__Required work__: In the entries below, which lines run from the one containing "#20=IFCINDEXEDPOLYGONALFACE((1,3,7,5));" to the one containing "#50=IFCINDEXEDPOLYGONALFACE((1,5,6,2));"? Copy exactly those lines, ends included, and no others.

Records for the exercise below:

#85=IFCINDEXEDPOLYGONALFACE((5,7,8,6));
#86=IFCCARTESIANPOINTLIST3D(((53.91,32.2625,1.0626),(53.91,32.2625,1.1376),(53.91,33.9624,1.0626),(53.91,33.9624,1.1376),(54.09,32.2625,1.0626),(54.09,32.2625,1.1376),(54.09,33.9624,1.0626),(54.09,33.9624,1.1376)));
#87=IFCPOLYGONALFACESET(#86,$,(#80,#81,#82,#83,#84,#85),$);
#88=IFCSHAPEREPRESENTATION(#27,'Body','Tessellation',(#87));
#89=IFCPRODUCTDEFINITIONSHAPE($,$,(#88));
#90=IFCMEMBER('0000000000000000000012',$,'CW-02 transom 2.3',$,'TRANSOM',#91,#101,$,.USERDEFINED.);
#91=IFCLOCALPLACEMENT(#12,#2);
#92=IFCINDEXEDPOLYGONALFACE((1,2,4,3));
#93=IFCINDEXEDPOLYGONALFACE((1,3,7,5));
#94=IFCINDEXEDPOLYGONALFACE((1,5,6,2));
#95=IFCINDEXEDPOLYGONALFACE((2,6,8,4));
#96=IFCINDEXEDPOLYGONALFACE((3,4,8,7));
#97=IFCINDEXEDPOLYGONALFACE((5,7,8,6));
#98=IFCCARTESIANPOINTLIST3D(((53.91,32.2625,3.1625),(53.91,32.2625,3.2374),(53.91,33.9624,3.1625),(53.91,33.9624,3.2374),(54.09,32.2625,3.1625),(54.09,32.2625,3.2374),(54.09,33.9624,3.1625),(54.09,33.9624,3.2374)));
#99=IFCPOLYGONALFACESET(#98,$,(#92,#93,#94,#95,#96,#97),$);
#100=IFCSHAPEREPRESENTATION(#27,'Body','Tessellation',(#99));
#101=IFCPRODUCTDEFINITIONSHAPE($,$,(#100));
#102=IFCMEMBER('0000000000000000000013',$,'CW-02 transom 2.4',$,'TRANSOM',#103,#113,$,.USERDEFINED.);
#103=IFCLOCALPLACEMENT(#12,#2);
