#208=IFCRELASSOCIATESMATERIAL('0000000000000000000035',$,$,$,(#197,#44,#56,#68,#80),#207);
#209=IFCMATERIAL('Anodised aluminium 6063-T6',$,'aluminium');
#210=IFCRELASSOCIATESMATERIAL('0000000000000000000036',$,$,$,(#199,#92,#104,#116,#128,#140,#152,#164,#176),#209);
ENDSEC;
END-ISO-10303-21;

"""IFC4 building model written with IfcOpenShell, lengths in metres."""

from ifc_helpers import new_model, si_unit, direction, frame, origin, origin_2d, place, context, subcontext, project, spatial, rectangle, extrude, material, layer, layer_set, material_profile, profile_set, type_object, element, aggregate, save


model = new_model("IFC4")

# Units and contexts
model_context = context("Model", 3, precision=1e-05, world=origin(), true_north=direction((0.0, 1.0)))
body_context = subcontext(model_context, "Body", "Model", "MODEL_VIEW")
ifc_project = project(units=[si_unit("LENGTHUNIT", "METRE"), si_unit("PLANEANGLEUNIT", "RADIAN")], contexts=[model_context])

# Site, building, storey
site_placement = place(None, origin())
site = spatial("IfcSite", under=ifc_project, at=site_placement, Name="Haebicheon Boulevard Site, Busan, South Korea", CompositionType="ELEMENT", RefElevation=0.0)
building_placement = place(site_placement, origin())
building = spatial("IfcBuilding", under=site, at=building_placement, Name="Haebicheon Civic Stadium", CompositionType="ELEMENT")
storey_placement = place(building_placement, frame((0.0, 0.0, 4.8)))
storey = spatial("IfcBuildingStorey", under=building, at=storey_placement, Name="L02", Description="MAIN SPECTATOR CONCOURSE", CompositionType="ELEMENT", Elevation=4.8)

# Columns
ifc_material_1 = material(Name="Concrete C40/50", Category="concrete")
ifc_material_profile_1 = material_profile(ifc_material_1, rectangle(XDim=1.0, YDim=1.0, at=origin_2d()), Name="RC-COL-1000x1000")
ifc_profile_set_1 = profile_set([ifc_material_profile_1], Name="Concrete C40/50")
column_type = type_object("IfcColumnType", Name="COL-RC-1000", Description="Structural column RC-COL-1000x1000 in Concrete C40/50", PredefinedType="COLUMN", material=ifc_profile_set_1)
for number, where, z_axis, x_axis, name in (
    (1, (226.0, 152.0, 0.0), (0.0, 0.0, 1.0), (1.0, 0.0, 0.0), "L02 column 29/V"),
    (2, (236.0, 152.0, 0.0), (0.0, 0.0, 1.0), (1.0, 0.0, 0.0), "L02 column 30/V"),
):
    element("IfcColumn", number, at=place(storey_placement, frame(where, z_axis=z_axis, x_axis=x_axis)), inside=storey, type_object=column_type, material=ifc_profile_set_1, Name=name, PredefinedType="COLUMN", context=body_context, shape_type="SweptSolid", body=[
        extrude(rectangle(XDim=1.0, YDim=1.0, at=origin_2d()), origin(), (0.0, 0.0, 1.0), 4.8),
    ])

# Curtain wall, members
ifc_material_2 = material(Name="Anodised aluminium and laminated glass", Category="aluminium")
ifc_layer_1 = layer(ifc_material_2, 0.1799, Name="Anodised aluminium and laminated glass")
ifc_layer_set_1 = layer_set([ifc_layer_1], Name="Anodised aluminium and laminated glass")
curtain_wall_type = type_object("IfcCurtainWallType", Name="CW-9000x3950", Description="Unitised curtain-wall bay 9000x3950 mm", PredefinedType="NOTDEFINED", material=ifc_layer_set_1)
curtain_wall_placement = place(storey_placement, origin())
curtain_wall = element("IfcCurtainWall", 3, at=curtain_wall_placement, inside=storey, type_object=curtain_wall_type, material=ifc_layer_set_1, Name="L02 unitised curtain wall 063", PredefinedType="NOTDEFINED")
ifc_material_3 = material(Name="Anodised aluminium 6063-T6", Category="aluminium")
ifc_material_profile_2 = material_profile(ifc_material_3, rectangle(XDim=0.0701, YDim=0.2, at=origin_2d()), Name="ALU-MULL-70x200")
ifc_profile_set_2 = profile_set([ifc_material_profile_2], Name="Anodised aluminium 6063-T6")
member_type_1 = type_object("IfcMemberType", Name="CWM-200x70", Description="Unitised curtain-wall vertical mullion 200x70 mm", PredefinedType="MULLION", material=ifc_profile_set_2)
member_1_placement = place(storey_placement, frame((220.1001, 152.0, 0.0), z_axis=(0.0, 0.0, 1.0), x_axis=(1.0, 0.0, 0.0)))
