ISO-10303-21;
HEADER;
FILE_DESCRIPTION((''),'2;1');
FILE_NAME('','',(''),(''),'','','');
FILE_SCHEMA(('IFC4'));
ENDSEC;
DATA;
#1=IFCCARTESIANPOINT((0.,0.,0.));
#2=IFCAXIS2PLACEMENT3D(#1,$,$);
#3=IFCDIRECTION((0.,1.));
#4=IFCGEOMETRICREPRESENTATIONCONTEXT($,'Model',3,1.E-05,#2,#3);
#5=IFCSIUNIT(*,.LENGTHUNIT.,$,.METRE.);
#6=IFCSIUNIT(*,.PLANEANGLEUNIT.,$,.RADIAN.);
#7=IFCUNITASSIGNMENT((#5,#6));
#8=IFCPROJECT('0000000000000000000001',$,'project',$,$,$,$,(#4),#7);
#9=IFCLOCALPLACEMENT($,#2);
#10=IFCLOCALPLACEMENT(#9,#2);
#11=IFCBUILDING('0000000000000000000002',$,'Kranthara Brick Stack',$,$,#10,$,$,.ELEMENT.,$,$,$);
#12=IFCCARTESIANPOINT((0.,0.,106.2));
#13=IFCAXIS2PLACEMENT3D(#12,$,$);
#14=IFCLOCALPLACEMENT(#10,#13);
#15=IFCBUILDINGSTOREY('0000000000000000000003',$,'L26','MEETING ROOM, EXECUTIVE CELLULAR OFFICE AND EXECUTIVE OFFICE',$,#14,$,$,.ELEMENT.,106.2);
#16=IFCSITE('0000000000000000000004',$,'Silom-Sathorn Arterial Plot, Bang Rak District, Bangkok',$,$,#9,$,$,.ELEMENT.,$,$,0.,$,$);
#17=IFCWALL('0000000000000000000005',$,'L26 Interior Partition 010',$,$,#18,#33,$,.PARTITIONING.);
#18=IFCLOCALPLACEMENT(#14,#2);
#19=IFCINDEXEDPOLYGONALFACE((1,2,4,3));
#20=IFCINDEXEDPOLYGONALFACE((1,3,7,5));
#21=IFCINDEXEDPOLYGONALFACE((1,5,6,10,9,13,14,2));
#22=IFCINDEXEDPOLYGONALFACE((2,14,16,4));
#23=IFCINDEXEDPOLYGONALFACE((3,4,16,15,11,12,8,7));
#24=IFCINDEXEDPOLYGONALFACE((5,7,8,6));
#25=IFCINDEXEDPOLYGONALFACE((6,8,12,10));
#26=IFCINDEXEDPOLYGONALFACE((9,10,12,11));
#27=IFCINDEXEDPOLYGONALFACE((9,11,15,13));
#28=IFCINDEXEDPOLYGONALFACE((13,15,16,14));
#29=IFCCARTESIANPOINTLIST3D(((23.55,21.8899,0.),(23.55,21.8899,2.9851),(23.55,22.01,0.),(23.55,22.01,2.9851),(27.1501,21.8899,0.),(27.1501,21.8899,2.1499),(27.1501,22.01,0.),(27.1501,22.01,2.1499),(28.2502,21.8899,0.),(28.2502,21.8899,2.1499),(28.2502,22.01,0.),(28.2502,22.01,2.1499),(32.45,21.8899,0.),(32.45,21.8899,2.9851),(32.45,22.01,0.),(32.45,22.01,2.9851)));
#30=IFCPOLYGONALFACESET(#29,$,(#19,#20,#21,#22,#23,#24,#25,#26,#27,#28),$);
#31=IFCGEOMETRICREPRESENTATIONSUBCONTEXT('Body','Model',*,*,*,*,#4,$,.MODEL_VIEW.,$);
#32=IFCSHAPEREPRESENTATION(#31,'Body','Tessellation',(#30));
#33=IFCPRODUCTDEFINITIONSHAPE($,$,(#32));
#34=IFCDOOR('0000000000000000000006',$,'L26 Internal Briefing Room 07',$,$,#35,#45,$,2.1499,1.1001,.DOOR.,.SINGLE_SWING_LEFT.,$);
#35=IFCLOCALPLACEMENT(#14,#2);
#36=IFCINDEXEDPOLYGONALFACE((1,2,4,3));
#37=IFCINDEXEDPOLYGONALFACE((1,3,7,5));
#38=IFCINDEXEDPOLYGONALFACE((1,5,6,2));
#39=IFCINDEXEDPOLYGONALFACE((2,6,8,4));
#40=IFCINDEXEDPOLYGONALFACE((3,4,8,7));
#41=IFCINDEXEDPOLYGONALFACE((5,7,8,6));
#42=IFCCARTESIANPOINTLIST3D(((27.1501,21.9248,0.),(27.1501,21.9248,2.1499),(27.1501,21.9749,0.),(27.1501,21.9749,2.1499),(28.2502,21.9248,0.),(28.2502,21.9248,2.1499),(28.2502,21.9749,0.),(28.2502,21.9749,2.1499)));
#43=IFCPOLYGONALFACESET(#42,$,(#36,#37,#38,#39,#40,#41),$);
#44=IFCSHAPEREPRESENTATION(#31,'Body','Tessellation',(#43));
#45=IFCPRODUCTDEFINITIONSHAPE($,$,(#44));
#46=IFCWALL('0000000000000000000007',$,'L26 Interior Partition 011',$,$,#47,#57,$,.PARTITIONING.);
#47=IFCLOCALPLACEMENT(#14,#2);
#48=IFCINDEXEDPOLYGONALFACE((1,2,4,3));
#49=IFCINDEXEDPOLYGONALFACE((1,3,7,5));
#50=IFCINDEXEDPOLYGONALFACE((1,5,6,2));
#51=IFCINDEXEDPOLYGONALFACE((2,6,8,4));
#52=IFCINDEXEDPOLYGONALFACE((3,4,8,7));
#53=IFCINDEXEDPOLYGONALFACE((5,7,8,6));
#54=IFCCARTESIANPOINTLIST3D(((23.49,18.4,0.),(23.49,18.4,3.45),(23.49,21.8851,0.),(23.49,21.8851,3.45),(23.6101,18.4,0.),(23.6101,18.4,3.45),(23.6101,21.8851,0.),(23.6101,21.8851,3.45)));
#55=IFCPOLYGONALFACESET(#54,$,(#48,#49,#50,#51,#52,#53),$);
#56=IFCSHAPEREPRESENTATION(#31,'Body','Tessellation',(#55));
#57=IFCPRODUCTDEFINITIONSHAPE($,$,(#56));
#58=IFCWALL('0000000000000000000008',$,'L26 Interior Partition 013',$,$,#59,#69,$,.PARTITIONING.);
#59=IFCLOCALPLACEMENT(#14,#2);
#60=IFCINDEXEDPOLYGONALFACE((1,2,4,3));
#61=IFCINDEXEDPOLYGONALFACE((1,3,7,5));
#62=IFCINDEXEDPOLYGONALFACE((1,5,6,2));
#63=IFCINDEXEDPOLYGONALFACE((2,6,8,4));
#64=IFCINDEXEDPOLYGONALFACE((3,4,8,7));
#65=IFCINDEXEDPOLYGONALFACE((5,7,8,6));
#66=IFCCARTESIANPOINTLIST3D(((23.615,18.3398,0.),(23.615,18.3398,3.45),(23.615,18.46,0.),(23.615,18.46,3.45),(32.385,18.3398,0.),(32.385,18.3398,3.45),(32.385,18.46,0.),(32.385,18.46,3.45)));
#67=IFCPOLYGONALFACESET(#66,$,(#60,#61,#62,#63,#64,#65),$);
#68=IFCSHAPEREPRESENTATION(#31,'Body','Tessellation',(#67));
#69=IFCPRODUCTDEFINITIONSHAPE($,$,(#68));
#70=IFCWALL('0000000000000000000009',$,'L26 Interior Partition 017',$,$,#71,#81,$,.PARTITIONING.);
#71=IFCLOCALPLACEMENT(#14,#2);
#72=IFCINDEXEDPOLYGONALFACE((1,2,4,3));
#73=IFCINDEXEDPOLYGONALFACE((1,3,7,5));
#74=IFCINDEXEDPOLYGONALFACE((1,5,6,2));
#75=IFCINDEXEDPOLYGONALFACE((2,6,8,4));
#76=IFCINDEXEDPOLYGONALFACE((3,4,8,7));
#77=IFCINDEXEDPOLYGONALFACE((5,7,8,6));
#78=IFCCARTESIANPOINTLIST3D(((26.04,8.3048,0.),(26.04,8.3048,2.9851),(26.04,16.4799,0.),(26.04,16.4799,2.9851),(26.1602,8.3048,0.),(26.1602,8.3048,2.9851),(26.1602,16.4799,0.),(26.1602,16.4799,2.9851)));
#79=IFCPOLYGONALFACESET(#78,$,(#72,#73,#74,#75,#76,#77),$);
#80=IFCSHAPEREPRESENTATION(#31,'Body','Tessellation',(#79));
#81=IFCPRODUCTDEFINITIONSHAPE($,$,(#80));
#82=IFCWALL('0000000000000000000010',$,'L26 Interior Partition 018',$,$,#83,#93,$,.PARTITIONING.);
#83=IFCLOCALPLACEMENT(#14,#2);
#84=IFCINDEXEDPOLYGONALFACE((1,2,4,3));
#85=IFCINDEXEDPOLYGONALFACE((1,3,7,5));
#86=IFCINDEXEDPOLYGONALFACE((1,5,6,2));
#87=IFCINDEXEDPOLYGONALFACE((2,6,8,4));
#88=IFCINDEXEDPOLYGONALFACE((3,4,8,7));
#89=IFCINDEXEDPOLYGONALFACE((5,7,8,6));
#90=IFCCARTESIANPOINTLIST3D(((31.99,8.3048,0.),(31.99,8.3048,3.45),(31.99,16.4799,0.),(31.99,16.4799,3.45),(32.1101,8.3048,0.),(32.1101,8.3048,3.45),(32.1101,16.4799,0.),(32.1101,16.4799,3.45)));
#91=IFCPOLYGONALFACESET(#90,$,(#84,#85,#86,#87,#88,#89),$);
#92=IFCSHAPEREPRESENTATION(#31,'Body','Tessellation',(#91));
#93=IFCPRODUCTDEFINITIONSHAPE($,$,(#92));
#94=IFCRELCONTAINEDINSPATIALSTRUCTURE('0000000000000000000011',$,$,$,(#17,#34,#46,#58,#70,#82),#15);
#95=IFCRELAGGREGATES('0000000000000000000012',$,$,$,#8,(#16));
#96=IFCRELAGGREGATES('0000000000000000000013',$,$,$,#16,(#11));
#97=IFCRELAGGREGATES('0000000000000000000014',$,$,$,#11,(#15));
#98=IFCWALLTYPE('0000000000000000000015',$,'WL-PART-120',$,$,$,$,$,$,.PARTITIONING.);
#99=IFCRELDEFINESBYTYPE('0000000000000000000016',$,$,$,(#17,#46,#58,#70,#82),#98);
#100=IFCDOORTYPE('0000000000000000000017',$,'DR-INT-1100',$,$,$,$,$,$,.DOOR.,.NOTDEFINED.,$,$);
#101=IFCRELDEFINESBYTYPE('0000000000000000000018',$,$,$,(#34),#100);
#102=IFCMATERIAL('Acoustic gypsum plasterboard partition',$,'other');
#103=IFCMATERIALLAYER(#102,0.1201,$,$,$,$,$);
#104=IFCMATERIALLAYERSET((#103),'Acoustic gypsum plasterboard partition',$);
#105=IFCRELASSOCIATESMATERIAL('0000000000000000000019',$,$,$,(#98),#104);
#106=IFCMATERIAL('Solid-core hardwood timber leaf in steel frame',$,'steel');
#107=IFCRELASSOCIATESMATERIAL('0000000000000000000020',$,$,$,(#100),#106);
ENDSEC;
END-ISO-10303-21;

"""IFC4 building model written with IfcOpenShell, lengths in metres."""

from ifc_helpers import new_model, si_unit, direction, frame, frame_2d, origin, place, context, subcontext, project, spatial, rectangle, extrude, material, layer, layer_set, type_object, element, fill, save


model = new_model("IFC4")

# Units and contexts
model_context = context("Model", 3, precision=1e-05, world=origin(), true_north=direction((0.0, 1.0)))
body_context = subcontext(model_context, "Body", "Model", "MODEL_VIEW")
ifc_project = project(units=[si_unit("LENGTHUNIT", "METRE"), si_unit("PLANEANGLEUNIT", "RADIAN")], contexts=[model_context])

# Site, building, storey
site_placement = place(None, origin())
site = spatial("IfcSite", under=ifc_project, at=site_placement, Name="Silom-Sathorn Arterial Plot, Bang Rak District, Bangkok", CompositionType="ELEMENT", RefElevation=0.0)
building_placement = place(site_placement, origin())
building = spatial("IfcBuilding", under=site, at=building_placement, Name="Kranthara Brick Stack", CompositionType="ELEMENT")
storey_placement = place(building_placement, frame((0.0, 0.0, 106.2)))
storey = spatial("IfcBuildingStorey", under=building, at=storey_placement, Name="L26", Description="MEETING ROOM, EXECUTIVE CELLULAR OFFICE AND EXECUTIVE OFFICE", CompositionType="ELEMENT", Elevation=106.2)

# Shared definitions
ifc_material_1 = material(Name="Acoustic gypsum plasterboard partition", Category="other")
ifc_layer_1 = layer(ifc_material_1, 0.1201)
ifc_layer_set_1 = layer_set([ifc_layer_1], Name="Acoustic gypsum plasterboard partition")
wall_type_1 = type_object("IfcWallType", Name="WL-PART-120", PredefinedType="PARTITIONING", material=ifc_layer_set_1)

# Wall, opening, door
wall_1_placement = place(storey_placement, frame((23.55, 21.95, 0.0), z_axis=(0.0, 0.0, 1.0), x_axis=(1.0, 0.0, 0.0)))
wall_1 = element("IfcWall", 1, at=wall_1_placement, inside=storey, type_object=wall_type_1, Name="L26 Interior Partition 010", PredefinedType="PARTITIONING", context=body_context, shape_type="SweptSolid", body=[
    extrude(rectangle(XDim=8.8999, YDim=0.1201, at=frame_2d((4.45, 0.0))), origin(), (0.0, 0.0, 1.0), 2.9851),
])
opening_1_placement = place(wall_1_placement, frame((3.6001, 0.0, 0.0)))
opening_1 = element("IfcOpeningElement", 2, at=opening_1_placement, cuts=wall_1, PredefinedType="OPENING", context=body_context, shape_type="SweptSolid", body=[
    extrude(rectangle(XDim=1.1001, YDim=2.1499, at=frame_2d((0.55, 1.075))), frame((0.0, 0.0701, 0.0), z_axis=(0.0, -1.0, 0.0), x_axis=(1.0, 0.0, 0.0)), (0.0, 0.0, 1.0), 0.1401),
])
ifc_material_2 = material(Name="Solid-core hardwood timber leaf in steel frame", Category="steel")
door_type_1 = type_object("IfcDoorType", Name="DR-INT-1100", OperationType="NOTDEFINED", PredefinedType="DOOR", material=ifc_material_2)
door_1_placement = place(opening_1_placement, origin())
door_1 = element("IfcDoor", 3, at=door_1_placement, inside=storey, type_object=door_type_1, Name="L26 Internal Briefing Room 07", OperationType="SINGLE_SWING_LEFT", OverallHeight=2.1499, OverallWidth=1.1001, PredefinedType="DOOR", context=body_context, shape_type="SweptSolid", body=[
    extrude(rectangle(XDim=1.1001, YDim=2.1499, at=frame_2d((0.55, 1.075))), frame((0.0, 0.0249, 0.0), z_axis=(0.0, -1.0, 0.0), x_axis=(1.0, 0.0, 0.0)), (0.0, 0.0, 1.0), 0.05),
])
fill(opening_1, door_1)

# Walls
wall_2_placement = place(storey_placement, frame((23.55, 18.3999, 0.0), z_axis=(0.0, 0.0, 1.0), x_axis=(0.0, 1.0, 0.0)))
element("IfcWall", 4, at=wall_2_placement, inside=storey, type_object=wall_type_1, Name="L26 Interior Partition 011", PredefinedType="PARTITIONING", context=body_context, shape_type="SweptSolid", body=[
    extrude(rectangle(XDim=3.4851, YDim=0.1201, at=frame_2d((1.7427, 0.0))), origin(), (0.0, 0.0, 1.0), 3.45),
])
wall_3_placement = place(storey_placement, frame((23.615, 18.3999, 0.0), z_axis=(0.0, 0.0, 1.0), x_axis=(1.0, 0.0, 0.0)))
element("IfcWall", 5, at=wall_3_placement, inside=storey, type_object=wall_type_1, Name="L26 Interior Partition 013", PredefinedType="PARTITIONING", context=body_context, shape_type="SweptSolid", body=[
    extrude(rectangle(XDim=8.77, YDim=0.1201, at=frame_2d((4.385, 0.0))), origin(), (0.0, 0.0, 1.0), 3.45),
])
wall_4_placement = place(storey_placement, frame((26.1001, 8.3049, 0.0), z_axis=(0.0, 0.0, 1.0), x_axis=(0.0, 1.0, 0.0)))
element("IfcWall", 6, at=wall_4_placement, inside=storey, type_object=wall_type_1, Name="L26 Interior Partition 017", PredefinedType="PARTITIONING", context=body_context, shape_type="SweptSolid", body=[
    extrude(rectangle(XDim=8.175, YDim=0.1201, at=frame_2d((4.0874, 0.0))), origin(), (0.0, 0.0, 1.0), 2.9851),
])
wall_5_placement = place(storey_placement, frame((32.05, 8.3049, 0.0), z_axis=(0.0, 0.0, 1.0), x_axis=(0.0, 1.0, 0.0)))
element("IfcWall", 7, at=wall_5_placement, inside=storey, type_object=wall_type_1, Name="L26 Interior Partition 018", PredefinedType="PARTITIONING", context=body_context, shape_type="SweptSolid", body=[
    extrude(rectangle(XDim=8.175, YDim=0.1201, at=frame_2d((4.0874, 0.0))), origin(), (0.0, 0.0, 1.0), 3.45),
])

save(model, "model.ifc")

End of Records for the exercise.

__Response to the exercise__:
#20=IFCINDEXEDPOLYGONALFACE((1,3,7,5));
#21=IFCINDEXEDPOLYGONALFACE((1,5,6,10,9,13,14,2));
#22=IFCINDEXEDPOLYGONALFACE((2,14,16,4));
#23=IFCINDEXEDPOLYGONALFACE((3,4,16,15,11,12,8,7));
#24=IFCINDEXEDPOLYGONALFACE((5,7,8,6));
#25=IFCINDEXEDPOLYGONALFACE((6,8,12,10));
#26=IFCINDEXEDPOLYGONALFACE((9,10,12,11));
#27=IFCINDEXEDPOLYGONALFACE((9,11,15,13));
#28=IFCINDEXEDPOLYGONALFACE((13,15,16,14));
#29=IFCCARTESIANPOINTLIST3D(((23.55,21.8899,0.),(23.55,21.8899,2.9851),(23.55,22.01,0.),(23.55,22.01,2.9851),(27.1501,21.8899,0.),(27.1501,21.8899,2.1499),(27.1501,22.01,0.),(27.1501,22.01,2.1499),(28.2502,21.8899,0.),(28.2502,21.8899,2.1499),(28.2502,22.01,0.),(28.2502,22.01,2.1499),(32.45,21.8899,0.),(32.45,21.8899,2.9851),(32.45,22.01,0.),(32.45,22.01,2.9851)));
#30=IFCPOLYGONALFACESET(#29,$,(#19,#20,#21,#22,#23,#24,#25,#26,#27,#28),$);
#31=IFCGEOMETRICREPRESENTATIONSUBCONTEXT('Body','Model',*,*,*,*,#4,$,.MODEL_VIEW.,$);
#32=IFCSHAPEREPRESENTATION(#31,'Body','Tessellation',(#30));
#33=IFCPRODUCTDEFINITIONSHAPE($,$,(#32));
#34=IFCDOOR('0000000000000000000006',$,'L26 Internal Briefing Room 07',$,$,#35,#45,$,2.1499,1.1001,.DOOR.,.SINGLE_SWING_LEFT.,$);
#35=IFCLOCALPLACEMENT(#14,#2);
#36=IFCINDEXEDPOLYGONALFACE((1,2,4,3));
#37=IFCINDEXEDPOLYGONALFACE((1,3,7,5));
#38=IFCINDEXEDPOLYGONALFACE((1,5,6,2));
#39=IFCINDEXEDPOLYGONALFACE((2,6,8,4));
#40=IFCINDEXEDPOLYGONALFACE((3,4,8,7));
#41=IFCINDEXEDPOLYGONALFACE((5,7,8,6));
#42=IFCCARTESIANPOINTLIST3D(((27.1501,21.9248,0.),(27.1501,21.9248,2.1499),(27.1501,21.9749,0.),(27.1501,21.9749,2.1499),(28.2502,21.9248,0.),(28.2502,21.9248,2.1499),(28.2502,21.9749,0.),(28.2502,21.9749,2.1499)));
#43=IFCPOLYGONALFACESET(#42,$,(#36,#37,#38,#39,#40,#41),$);
#44=IFCSHAPEREPRESENTATION(#31,'Body','Tessellation',(#43));
#45=IFCPRODUCTDEFINITIONSHAPE($,$,(#44));
#46=IFCWALL('0000000000000000000007',$,'L26 Interior Partition 011',$,$,#47,#57,$,.PARTITIONING.);
#47=IFCLOCALPLACEMENT(#14,#2);
#48=IFCINDEXEDPOLYGONALFACE((1,2,4,3));
#49=IFCINDEXEDPOLYGONALFACE((1,3,7,5));
#50=IFCINDEXEDPOLYGONALFACE((1,5,6,2));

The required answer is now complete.